• Requirement:
Once you find the line with "#141=IFCSHAPEREPRESENTATION(#54,'Body','Tessellation',(#140));" in the data that follows, repeat it and every line after it exactly, through the line with "#146=IFCINDEXEDPOLYGONALFACE((1,3,7,5));".

Stored entries:

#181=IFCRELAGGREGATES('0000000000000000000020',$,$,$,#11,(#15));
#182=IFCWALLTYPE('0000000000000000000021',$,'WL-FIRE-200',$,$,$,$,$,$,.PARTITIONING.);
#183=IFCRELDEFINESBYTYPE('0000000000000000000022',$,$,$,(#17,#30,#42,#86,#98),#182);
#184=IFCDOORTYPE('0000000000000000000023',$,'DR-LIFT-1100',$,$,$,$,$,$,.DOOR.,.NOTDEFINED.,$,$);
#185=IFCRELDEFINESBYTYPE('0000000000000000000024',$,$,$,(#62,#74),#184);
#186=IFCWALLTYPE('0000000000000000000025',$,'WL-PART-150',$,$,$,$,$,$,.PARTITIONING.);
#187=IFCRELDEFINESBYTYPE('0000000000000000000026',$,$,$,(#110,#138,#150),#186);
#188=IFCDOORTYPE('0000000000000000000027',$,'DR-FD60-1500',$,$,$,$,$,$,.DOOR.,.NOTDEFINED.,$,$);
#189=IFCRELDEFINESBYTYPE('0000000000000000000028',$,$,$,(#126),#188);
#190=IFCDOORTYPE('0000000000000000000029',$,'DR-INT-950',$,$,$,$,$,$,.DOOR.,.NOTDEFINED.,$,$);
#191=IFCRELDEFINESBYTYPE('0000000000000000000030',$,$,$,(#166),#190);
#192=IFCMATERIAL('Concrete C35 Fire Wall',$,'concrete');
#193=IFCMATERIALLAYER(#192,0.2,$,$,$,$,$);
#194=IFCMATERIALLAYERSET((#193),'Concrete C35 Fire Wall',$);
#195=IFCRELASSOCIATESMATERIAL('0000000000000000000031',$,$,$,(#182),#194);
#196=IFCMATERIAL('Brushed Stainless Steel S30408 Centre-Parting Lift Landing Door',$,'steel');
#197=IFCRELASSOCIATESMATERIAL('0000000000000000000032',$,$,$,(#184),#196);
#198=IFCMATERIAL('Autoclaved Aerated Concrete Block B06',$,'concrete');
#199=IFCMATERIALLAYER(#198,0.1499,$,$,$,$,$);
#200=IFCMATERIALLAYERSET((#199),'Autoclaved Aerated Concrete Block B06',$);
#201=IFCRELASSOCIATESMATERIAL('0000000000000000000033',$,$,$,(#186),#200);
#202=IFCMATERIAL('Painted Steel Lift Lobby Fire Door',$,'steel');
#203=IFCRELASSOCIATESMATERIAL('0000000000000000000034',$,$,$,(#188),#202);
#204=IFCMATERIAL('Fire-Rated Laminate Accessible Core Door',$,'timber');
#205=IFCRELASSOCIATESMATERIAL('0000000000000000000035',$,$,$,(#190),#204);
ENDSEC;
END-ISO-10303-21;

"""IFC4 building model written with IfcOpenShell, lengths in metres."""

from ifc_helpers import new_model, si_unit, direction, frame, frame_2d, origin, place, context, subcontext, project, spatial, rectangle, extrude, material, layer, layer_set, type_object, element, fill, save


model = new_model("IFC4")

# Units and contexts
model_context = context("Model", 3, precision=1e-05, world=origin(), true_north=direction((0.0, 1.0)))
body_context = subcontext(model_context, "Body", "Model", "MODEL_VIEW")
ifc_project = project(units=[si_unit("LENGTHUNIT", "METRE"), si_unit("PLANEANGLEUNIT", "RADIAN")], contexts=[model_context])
* * *
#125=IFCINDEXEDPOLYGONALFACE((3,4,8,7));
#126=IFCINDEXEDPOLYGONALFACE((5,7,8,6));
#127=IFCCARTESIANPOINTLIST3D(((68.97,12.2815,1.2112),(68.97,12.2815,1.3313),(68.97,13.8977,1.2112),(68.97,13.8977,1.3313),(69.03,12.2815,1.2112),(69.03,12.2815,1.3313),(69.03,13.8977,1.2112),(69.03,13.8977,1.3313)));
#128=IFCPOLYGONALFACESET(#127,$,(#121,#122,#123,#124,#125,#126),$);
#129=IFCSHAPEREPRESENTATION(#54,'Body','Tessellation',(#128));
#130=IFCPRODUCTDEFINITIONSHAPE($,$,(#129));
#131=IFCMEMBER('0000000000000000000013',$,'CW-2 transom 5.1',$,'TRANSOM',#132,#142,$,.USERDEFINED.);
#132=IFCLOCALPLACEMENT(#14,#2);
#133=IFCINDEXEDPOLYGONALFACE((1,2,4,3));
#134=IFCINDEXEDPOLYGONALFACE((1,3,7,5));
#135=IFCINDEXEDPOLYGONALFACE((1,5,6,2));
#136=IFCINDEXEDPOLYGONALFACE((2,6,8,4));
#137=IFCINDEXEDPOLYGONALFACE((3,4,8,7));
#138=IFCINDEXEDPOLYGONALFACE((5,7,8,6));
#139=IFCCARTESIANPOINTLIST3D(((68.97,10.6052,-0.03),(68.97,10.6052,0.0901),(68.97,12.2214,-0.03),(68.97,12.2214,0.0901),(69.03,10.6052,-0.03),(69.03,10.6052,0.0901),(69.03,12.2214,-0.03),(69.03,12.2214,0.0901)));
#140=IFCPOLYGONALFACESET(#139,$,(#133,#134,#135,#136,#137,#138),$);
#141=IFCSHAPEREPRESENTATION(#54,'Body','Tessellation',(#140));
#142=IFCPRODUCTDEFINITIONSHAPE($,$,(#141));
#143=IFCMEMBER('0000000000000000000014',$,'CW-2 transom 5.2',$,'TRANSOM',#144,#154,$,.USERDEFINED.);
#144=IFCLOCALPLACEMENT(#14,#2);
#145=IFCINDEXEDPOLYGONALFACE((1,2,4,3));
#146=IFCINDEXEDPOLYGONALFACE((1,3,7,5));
* * *
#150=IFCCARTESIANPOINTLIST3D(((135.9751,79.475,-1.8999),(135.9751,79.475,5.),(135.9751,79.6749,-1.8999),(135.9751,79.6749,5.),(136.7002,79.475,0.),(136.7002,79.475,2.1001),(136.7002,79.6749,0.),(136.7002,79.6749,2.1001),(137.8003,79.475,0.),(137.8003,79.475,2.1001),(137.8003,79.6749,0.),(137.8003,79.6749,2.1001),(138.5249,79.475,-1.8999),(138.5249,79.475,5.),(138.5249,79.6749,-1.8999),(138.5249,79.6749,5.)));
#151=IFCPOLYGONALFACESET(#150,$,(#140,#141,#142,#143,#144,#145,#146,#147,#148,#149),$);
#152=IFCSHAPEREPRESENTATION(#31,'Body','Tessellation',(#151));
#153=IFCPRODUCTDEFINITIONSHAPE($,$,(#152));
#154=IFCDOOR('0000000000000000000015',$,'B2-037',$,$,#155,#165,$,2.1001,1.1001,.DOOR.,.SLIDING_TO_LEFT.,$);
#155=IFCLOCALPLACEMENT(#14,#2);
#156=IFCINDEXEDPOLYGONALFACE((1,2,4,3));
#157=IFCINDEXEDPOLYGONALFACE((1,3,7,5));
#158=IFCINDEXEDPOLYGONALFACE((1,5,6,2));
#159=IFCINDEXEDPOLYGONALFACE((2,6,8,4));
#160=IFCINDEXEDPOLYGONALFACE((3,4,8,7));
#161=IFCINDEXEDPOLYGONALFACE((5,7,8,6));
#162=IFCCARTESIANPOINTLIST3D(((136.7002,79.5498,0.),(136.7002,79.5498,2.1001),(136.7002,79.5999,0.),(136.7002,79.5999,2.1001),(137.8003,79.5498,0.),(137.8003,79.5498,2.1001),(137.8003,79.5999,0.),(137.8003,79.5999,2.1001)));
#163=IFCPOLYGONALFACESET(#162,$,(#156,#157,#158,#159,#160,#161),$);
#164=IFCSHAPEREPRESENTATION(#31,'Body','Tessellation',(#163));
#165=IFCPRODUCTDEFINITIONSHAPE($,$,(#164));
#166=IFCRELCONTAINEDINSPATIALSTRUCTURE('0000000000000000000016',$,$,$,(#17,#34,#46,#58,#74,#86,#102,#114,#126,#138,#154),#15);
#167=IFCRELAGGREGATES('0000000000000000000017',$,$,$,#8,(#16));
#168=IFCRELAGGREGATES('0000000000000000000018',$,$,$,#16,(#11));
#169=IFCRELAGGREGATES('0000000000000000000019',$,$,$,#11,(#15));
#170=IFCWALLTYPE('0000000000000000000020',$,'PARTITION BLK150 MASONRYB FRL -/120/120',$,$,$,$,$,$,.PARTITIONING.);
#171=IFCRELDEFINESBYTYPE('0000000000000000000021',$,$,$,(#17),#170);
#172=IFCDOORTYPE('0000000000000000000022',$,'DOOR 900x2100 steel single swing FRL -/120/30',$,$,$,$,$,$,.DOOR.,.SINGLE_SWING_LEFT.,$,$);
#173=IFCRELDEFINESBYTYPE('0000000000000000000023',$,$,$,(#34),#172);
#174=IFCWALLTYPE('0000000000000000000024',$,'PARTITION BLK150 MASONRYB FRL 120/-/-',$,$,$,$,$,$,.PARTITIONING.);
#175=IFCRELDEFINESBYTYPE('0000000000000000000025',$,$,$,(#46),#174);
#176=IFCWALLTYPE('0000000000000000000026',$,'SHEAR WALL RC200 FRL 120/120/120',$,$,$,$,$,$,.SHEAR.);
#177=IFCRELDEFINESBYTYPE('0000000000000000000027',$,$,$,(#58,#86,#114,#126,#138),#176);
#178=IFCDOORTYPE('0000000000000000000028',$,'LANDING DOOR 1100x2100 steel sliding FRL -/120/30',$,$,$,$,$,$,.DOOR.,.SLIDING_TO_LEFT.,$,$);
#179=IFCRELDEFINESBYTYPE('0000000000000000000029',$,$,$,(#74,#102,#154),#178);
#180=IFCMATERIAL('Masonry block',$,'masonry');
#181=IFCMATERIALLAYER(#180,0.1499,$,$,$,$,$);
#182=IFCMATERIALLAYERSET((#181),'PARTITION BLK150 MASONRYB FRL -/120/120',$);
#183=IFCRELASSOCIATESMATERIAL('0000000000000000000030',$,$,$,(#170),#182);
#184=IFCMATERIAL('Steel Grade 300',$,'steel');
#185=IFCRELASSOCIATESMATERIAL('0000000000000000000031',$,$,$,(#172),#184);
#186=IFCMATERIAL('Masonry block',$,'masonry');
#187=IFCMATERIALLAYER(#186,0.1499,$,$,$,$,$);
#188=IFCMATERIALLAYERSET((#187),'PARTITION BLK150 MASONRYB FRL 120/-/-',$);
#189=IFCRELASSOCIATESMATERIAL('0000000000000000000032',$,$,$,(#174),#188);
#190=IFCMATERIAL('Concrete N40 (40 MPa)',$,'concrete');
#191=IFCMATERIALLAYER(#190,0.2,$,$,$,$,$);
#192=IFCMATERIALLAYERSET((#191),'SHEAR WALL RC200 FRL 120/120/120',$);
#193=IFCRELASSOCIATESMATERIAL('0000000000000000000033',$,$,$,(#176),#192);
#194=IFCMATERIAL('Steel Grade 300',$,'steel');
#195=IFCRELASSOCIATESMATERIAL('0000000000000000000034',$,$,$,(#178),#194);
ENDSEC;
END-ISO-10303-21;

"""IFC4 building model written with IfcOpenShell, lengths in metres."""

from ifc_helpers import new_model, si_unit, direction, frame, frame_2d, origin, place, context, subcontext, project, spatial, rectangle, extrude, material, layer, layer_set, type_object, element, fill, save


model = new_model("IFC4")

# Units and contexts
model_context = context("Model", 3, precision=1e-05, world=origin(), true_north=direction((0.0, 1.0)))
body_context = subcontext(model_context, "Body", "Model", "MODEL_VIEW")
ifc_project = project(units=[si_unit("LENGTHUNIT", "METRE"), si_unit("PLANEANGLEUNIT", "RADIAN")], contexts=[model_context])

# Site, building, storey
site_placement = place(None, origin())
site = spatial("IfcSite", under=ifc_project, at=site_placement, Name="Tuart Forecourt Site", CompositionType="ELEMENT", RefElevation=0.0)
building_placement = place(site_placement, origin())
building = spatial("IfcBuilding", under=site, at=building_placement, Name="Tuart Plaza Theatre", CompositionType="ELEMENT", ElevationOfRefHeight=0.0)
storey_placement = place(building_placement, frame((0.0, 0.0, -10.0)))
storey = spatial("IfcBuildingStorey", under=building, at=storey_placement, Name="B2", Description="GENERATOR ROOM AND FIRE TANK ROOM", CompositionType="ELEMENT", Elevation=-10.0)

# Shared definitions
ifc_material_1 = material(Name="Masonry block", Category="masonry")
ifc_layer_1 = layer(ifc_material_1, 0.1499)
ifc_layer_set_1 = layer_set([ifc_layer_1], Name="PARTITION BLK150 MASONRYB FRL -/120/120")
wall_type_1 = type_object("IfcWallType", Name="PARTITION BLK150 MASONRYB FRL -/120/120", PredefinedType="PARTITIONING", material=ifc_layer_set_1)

• Reply:
#141=IFCSHAPEREPRESENTATION(#54,'Body','Tessellation',(#140));
#142=IFCPRODUCTDEFINITIONSHAPE($,$,(#141));
#143=IFCMEMBER('0000000000000000000014',$,'CW-2 transom 5.2',$,'TRANSOM',#144,#154,$,.USERDEFINED.);
#144=IFCLOCALPLACEMENT(#14,#2);
#145=IFCINDEXEDPOLYGONALFACE((1,2,4,3));
#146=IFCINDEXEDPOLYGONALFACE((1,3,7,5));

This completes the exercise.